Task goal -
Copy out exactly the lines below that run from the one holding "#140=IFCBEAM('0000000000000000000012',$,'Tie east 14" to the one holding "#151=IFCINDEXEDPOLYGONALFACE((7,19,22,10));", keeping both of those lines and no others.

----- Data -----

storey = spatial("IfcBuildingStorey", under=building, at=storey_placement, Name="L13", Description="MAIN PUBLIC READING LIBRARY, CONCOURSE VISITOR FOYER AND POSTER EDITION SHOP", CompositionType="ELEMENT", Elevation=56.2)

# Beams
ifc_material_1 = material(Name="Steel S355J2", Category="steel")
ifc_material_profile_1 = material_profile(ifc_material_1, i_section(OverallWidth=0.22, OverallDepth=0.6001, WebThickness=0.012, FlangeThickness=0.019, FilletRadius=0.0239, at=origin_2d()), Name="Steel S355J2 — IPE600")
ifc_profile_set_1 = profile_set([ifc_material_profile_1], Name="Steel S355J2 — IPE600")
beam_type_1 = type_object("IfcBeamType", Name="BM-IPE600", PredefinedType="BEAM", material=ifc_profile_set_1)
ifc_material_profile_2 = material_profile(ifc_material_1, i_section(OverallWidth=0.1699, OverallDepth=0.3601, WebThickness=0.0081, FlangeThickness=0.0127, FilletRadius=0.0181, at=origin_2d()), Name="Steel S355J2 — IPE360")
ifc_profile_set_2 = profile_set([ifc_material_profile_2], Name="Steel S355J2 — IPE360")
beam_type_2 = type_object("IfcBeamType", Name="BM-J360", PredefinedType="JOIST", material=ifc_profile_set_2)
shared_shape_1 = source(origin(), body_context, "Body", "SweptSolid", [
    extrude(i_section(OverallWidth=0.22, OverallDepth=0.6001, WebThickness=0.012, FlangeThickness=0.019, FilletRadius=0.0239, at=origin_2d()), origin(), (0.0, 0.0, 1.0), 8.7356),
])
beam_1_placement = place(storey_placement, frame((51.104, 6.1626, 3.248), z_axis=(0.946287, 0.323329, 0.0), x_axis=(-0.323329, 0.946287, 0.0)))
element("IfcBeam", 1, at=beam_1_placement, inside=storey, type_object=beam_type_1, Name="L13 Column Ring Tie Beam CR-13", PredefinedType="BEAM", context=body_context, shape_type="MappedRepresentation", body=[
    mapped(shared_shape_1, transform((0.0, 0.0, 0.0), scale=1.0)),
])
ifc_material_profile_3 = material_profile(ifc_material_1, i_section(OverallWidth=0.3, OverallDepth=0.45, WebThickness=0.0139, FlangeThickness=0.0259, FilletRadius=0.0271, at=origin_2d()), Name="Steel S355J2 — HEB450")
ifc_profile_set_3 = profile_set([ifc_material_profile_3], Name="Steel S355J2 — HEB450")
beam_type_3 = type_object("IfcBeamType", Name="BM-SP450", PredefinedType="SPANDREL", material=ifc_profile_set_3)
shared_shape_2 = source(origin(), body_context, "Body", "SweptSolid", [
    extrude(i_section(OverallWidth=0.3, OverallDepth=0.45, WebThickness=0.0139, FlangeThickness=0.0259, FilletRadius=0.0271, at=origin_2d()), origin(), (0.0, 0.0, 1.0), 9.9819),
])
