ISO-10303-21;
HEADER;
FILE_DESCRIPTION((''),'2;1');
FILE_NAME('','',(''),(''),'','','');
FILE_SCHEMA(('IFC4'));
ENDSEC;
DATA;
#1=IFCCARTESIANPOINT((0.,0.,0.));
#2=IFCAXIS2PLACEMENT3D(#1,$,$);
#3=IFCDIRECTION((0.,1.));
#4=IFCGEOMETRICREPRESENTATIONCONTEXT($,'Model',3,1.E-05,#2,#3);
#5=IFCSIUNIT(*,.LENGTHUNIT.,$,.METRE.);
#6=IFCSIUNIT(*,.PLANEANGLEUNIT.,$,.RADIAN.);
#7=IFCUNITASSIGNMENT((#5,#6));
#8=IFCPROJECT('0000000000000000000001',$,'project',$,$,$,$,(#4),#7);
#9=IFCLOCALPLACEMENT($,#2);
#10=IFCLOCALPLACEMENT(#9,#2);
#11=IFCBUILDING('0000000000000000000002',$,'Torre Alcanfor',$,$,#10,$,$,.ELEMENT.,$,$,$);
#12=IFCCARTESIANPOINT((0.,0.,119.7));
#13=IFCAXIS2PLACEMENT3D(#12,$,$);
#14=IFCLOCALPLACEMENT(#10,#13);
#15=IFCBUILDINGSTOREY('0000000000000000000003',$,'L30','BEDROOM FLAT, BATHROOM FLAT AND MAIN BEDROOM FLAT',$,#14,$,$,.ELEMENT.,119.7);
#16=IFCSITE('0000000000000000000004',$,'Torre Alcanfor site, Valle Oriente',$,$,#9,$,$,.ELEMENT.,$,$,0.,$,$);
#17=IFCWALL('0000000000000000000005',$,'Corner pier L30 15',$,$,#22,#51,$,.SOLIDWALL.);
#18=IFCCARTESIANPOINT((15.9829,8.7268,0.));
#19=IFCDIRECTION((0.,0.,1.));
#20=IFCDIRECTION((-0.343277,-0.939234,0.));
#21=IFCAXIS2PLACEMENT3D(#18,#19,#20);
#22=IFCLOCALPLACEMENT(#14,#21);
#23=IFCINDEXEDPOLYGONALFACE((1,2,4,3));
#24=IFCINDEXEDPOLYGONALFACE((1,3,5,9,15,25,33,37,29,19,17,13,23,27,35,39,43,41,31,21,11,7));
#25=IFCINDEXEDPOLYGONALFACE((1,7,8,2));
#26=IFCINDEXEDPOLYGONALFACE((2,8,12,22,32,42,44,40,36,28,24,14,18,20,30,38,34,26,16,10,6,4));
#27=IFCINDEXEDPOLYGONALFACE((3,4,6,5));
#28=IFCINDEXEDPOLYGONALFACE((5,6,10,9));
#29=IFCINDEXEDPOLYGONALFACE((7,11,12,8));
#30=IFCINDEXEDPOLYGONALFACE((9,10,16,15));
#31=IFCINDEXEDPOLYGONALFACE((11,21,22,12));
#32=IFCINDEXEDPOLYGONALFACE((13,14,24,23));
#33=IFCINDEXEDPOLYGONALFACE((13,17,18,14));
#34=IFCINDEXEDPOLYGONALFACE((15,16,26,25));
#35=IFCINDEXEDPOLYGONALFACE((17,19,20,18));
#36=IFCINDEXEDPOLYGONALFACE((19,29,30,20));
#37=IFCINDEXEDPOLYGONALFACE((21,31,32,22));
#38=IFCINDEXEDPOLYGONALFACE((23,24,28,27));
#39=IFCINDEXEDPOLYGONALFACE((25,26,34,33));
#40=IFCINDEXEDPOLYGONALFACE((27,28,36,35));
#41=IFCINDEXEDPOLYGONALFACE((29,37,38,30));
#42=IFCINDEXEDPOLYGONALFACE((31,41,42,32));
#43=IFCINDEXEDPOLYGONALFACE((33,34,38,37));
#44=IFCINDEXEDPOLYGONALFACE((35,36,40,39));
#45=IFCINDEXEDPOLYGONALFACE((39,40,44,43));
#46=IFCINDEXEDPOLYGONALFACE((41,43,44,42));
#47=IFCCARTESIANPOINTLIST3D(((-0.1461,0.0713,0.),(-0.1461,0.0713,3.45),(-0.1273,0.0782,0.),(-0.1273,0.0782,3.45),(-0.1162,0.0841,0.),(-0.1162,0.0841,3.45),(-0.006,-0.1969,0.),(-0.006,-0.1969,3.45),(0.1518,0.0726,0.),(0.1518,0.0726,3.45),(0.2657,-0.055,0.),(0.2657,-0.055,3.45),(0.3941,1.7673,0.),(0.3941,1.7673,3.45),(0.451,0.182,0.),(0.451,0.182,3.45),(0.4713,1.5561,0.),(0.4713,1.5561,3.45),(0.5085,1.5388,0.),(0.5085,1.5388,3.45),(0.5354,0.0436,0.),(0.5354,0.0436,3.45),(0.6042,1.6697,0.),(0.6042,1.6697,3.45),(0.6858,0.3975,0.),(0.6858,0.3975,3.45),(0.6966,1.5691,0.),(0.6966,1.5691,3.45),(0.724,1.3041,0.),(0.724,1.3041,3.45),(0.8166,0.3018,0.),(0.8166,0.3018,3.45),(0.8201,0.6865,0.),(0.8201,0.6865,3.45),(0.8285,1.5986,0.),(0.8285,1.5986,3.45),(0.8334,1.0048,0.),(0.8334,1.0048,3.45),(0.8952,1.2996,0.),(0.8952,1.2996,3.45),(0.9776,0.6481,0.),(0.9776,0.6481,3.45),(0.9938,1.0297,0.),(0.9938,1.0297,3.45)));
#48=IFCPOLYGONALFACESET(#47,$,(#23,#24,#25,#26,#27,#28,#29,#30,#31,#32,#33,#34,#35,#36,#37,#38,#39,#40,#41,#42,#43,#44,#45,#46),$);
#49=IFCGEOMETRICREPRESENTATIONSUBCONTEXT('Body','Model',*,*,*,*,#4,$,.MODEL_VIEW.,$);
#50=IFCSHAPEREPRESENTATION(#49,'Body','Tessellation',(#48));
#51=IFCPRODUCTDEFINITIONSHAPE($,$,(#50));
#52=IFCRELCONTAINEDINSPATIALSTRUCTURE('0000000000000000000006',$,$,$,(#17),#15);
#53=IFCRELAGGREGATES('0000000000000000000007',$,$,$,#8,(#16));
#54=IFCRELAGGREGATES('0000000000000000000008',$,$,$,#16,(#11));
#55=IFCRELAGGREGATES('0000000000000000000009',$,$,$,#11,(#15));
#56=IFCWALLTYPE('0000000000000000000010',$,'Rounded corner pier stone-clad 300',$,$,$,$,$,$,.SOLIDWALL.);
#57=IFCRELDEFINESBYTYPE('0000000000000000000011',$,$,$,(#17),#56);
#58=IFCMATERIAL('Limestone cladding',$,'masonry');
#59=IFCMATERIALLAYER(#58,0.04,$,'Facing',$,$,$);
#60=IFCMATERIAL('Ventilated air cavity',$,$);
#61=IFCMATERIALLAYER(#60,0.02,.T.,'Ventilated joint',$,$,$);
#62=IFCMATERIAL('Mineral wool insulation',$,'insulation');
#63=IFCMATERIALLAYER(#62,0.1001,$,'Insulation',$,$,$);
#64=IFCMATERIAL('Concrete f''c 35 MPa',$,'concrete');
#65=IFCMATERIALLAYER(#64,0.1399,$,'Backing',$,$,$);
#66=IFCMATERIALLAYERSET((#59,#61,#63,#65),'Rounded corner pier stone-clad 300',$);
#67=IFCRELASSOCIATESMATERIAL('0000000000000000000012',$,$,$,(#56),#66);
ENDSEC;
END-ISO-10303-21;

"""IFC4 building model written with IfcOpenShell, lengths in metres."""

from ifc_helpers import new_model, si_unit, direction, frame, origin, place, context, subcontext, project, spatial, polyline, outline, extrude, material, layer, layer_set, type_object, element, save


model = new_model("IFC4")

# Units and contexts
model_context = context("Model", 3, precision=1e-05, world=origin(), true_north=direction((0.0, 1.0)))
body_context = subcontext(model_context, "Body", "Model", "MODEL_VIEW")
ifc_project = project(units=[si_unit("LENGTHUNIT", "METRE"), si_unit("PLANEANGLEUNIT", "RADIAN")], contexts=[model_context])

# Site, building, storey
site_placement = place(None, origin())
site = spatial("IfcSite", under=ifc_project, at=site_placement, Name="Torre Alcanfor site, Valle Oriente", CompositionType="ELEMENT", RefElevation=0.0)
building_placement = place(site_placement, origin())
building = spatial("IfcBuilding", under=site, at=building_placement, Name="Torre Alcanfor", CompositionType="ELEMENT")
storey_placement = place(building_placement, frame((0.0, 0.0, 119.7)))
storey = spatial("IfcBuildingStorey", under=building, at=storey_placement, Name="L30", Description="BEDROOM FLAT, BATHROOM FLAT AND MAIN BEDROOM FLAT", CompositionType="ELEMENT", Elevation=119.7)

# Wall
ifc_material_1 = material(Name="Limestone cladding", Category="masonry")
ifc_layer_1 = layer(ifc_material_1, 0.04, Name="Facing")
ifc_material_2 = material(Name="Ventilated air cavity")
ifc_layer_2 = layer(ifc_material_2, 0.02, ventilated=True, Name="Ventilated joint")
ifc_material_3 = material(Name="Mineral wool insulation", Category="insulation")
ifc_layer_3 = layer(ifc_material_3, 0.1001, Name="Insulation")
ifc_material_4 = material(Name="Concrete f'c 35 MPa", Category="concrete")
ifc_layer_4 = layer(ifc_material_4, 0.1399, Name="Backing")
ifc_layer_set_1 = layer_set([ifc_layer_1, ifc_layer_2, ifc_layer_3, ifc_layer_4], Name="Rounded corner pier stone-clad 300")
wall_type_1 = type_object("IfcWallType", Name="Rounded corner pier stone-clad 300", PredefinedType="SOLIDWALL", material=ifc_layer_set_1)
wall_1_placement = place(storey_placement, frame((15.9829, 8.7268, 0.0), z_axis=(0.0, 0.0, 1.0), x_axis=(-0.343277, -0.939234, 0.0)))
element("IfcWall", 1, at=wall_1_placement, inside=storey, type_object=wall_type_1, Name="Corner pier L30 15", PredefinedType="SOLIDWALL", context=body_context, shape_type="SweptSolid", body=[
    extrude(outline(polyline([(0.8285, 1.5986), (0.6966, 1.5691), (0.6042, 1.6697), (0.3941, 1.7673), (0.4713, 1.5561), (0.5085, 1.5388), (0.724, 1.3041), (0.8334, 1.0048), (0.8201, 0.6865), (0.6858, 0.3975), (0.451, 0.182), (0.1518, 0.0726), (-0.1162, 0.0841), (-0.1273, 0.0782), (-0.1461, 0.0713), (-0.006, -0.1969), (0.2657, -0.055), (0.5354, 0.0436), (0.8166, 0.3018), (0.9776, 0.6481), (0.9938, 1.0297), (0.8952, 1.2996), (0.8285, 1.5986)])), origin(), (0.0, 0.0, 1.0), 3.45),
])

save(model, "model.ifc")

-----
----- Data -----

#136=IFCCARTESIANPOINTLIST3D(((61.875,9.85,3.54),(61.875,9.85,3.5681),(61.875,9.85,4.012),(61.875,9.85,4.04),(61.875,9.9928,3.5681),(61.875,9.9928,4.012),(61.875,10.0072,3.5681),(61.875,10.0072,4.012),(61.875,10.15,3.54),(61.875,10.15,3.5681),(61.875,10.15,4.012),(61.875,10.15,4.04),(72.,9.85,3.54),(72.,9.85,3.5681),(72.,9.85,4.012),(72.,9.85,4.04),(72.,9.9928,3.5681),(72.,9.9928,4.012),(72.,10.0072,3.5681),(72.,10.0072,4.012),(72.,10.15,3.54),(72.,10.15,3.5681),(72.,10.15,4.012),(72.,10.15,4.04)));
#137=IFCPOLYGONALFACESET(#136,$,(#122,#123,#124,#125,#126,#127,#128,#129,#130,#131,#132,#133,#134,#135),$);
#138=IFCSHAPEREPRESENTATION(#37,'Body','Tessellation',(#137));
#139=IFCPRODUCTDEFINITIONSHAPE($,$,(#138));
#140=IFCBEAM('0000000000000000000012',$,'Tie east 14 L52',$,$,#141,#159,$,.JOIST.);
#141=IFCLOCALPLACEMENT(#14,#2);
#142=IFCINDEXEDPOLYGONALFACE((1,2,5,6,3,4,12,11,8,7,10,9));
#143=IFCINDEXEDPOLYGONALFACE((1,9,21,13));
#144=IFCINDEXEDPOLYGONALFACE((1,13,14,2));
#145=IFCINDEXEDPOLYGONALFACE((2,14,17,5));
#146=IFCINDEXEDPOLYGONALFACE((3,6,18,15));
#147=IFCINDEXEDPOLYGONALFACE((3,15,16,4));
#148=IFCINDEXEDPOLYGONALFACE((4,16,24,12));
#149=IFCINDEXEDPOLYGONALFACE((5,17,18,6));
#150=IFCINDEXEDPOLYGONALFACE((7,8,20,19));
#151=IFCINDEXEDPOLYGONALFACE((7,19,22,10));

-----

Solution -
#140=IFCBEAM('0000000000000000000012',$,'Tie east 14 L52',$,$,#141,#159,$,.JOIST.);
#141=IFCLOCALPLACEMENT(#14,#2);
#142=IFCINDEXEDPOLYGONALFACE((1,2,5,6,3,4,12,11,8,7,10,9));
#143=IFCINDEXEDPOLYGONALFACE((1,9,21,13));
#144=IFCINDEXEDPOLYGONALFACE((1,13,14,2));
#145=IFCINDEXEDPOLYGONALFACE((2,14,17,5));
#146=IFCINDEXEDPOLYGONALFACE((3,6,18,15));
#147=IFCINDEXEDPOLYGONALFACE((3,15,16,4));
#148=IFCINDEXEDPOLYGONALFACE((4,16,24,12));
#149=IFCINDEXEDPOLYGONALFACE((5,17,18,6));
#150=IFCINDEXEDPOLYGONALFACE((7,8,20,19));
#151=IFCINDEXEDPOLYGONALFACE((7,19,22,10));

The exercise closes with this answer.